**Exercise aim:**
Give back exactly the first lines of the entries below, through the line with "cladding band L01-S1',$,$,#87,#97,$,.CLADDING.);".

(Given records Opens)

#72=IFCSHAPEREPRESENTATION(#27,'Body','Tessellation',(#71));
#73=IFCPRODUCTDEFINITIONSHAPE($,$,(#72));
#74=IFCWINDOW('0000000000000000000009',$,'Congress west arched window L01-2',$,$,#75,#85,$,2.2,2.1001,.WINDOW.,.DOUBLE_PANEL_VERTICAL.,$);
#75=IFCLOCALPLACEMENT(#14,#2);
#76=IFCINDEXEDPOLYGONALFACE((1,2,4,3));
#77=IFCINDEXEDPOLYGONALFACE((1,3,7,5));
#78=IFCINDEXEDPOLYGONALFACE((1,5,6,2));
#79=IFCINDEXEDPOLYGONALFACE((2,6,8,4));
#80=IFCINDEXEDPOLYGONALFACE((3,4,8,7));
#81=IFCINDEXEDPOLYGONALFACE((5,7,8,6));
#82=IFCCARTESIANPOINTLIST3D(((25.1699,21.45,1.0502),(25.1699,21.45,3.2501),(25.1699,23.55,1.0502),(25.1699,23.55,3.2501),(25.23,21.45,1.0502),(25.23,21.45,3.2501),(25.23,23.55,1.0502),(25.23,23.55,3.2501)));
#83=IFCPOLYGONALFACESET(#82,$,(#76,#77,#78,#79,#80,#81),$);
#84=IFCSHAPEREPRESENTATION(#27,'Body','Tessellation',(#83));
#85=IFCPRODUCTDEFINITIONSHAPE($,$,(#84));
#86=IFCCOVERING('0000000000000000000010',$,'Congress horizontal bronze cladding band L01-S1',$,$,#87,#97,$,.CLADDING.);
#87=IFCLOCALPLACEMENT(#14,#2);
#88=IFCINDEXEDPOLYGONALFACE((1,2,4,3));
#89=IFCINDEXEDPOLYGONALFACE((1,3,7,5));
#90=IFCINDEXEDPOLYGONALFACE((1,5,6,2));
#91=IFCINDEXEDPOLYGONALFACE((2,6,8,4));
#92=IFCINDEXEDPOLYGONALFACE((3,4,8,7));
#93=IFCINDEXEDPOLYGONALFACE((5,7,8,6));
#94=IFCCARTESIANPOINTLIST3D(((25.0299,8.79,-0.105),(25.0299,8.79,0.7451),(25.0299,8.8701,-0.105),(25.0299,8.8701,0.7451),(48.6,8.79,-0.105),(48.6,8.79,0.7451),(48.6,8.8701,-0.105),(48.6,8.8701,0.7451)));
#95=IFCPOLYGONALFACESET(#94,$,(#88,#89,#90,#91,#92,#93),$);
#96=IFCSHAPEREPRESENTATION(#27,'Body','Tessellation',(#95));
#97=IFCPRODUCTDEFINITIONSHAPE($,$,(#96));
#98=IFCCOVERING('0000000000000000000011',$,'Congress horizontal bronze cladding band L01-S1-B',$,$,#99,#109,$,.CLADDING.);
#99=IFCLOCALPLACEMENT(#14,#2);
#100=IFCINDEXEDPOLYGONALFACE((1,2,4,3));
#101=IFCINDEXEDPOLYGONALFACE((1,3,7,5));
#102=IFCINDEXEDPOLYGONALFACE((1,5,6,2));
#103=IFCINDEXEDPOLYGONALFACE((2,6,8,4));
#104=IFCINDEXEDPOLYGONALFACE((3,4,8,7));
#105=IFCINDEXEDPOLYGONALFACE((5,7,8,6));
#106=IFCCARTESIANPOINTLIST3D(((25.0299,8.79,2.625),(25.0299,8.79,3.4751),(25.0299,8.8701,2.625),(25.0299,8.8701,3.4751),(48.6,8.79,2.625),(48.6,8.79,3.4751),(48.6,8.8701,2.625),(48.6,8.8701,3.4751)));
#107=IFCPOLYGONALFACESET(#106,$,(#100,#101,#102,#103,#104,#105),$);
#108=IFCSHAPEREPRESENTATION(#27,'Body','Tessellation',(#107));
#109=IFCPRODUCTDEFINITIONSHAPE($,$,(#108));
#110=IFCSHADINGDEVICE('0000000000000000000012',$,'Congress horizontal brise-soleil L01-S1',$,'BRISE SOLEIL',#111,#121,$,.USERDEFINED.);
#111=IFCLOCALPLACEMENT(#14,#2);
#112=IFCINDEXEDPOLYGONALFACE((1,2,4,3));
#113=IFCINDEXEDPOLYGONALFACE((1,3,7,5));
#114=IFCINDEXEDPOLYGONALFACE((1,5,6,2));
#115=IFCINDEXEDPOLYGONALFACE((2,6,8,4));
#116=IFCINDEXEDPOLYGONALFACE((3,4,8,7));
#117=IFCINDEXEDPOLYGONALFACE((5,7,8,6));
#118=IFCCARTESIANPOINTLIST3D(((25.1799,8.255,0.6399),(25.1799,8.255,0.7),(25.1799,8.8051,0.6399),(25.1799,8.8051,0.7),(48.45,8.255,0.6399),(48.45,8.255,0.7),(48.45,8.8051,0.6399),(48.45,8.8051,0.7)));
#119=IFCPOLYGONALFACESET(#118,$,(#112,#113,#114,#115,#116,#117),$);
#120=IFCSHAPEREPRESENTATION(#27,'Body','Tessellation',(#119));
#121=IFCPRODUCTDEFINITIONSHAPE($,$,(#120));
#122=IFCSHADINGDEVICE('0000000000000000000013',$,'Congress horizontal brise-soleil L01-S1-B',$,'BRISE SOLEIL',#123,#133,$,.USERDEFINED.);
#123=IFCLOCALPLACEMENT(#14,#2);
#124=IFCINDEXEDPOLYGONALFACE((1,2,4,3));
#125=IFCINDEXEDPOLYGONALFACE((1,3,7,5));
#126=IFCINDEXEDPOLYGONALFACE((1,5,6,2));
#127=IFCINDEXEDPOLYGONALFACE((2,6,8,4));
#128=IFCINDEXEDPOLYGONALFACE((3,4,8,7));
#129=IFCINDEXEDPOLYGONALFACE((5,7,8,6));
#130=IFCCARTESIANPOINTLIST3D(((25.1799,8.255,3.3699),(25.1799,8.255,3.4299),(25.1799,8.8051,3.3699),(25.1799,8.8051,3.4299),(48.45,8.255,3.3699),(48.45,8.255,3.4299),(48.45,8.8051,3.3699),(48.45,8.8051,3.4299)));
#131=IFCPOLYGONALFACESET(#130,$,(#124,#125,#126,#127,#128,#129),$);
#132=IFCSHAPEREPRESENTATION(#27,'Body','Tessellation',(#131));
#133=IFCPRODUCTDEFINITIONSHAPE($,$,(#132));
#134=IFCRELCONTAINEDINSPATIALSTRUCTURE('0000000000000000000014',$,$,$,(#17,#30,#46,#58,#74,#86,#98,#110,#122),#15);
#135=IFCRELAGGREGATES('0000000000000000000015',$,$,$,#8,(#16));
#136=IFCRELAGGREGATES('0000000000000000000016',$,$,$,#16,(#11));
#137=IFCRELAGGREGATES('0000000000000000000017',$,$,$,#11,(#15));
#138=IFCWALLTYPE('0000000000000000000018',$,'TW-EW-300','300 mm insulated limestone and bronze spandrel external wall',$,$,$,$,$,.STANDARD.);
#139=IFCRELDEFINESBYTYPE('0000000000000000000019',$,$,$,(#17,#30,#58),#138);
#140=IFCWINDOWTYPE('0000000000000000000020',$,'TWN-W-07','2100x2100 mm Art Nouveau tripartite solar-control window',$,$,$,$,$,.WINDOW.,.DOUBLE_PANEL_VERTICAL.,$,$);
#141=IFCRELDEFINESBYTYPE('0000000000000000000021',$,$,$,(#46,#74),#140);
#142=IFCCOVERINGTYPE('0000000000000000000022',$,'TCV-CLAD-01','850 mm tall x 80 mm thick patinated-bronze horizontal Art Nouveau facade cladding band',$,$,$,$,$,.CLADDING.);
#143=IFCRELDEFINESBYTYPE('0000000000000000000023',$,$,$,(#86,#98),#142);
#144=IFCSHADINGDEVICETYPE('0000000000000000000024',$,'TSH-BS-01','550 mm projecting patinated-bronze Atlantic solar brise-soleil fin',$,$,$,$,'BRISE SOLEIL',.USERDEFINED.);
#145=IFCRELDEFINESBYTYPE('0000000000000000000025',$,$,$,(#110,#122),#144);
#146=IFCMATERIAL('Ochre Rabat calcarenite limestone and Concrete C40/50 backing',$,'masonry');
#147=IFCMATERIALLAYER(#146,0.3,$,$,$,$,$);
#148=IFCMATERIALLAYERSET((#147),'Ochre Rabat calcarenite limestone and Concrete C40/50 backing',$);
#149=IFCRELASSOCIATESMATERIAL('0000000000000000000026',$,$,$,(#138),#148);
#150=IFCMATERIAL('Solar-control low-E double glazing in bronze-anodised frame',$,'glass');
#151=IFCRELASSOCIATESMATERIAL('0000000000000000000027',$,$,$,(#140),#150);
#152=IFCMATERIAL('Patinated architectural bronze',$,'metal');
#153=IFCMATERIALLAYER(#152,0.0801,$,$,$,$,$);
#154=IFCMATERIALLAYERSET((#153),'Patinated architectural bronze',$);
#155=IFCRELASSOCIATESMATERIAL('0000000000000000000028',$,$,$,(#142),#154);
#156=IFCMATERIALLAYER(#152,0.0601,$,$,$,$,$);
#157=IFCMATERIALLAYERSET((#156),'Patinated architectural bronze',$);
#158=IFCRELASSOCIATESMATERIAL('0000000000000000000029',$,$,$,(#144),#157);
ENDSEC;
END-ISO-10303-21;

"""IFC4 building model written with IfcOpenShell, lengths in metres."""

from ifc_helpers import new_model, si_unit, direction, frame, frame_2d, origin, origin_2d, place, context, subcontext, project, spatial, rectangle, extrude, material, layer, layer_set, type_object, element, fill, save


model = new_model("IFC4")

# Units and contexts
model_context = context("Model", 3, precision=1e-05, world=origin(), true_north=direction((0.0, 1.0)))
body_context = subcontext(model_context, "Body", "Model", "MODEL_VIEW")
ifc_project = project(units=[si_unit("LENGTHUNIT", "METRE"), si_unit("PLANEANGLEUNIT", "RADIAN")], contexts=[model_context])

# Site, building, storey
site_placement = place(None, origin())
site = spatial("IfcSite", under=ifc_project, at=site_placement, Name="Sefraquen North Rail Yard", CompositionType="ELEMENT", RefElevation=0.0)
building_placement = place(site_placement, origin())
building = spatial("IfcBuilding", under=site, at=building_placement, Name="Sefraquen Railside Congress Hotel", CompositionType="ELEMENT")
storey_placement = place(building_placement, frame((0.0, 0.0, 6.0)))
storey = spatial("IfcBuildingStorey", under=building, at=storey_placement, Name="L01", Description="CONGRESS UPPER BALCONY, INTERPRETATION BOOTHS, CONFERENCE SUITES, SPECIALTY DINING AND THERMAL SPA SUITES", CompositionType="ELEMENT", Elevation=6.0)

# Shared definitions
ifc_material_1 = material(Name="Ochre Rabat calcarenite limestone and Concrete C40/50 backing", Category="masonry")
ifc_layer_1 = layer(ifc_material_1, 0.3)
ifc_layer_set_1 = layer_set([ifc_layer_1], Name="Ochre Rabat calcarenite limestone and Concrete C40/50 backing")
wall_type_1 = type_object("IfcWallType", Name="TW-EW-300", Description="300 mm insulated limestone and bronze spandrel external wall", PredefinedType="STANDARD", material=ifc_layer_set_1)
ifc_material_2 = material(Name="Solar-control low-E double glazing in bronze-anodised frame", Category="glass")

(Given records Closes)

**Solution to this problem:**
#72=IFCSHAPEREPRESENTATION(#27,'Body','Tessellation',(#71));
#73=IFCPRODUCTDEFINITIONSHAPE($,$,(#72));
#74=IFCWINDOW('0000000000000000000009',$,'Congress west arched window L01-2',$,$,#75,#85,$,2.2,2.1001,.WINDOW.,.DOUBLE_PANEL_VERTICAL.,$);
#75=IFCLOCALPLACEMENT(#14,#2);
#76=IFCINDEXEDPOLYGONALFACE((1,2,4,3));
#77=IFCINDEXEDPOLYGONALFACE((1,3,7,5));
#78=IFCINDEXEDPOLYGONALFACE((1,5,6,2));
#79=IFCINDEXEDPOLYGONALFACE((2,6,8,4));
#80=IFCINDEXEDPOLYGONALFACE((3,4,8,7));
#81=IFCINDEXEDPOLYGONALFACE((5,7,8,6));
#82=IFCCARTESIANPOINTLIST3D(((25.1699,21.45,1.0502),(25.1699,21.45,3.2501),(25.1699,23.55,1.0502),(25.1699,23.55,3.2501),(25.23,21.45,1.0502),(25.23,21.45,3.2501),(25.23,23.55,1.0502),(25.23,23.55,3.2501)));
#83=IFCPOLYGONALFACESET(#82,$,(#76,#77,#78,#79,#80,#81),$);
#84=IFCSHAPEREPRESENTATION(#27,'Body','Tessellation',(#83));
#85=IFCPRODUCTDEFINITIONSHAPE($,$,(#84));
#86=IFCCOVERING('0000000000000000000010',$,'Congress horizontal bronze cladding band L01-S1',$,$,#87,#97,$,.CLADDING.);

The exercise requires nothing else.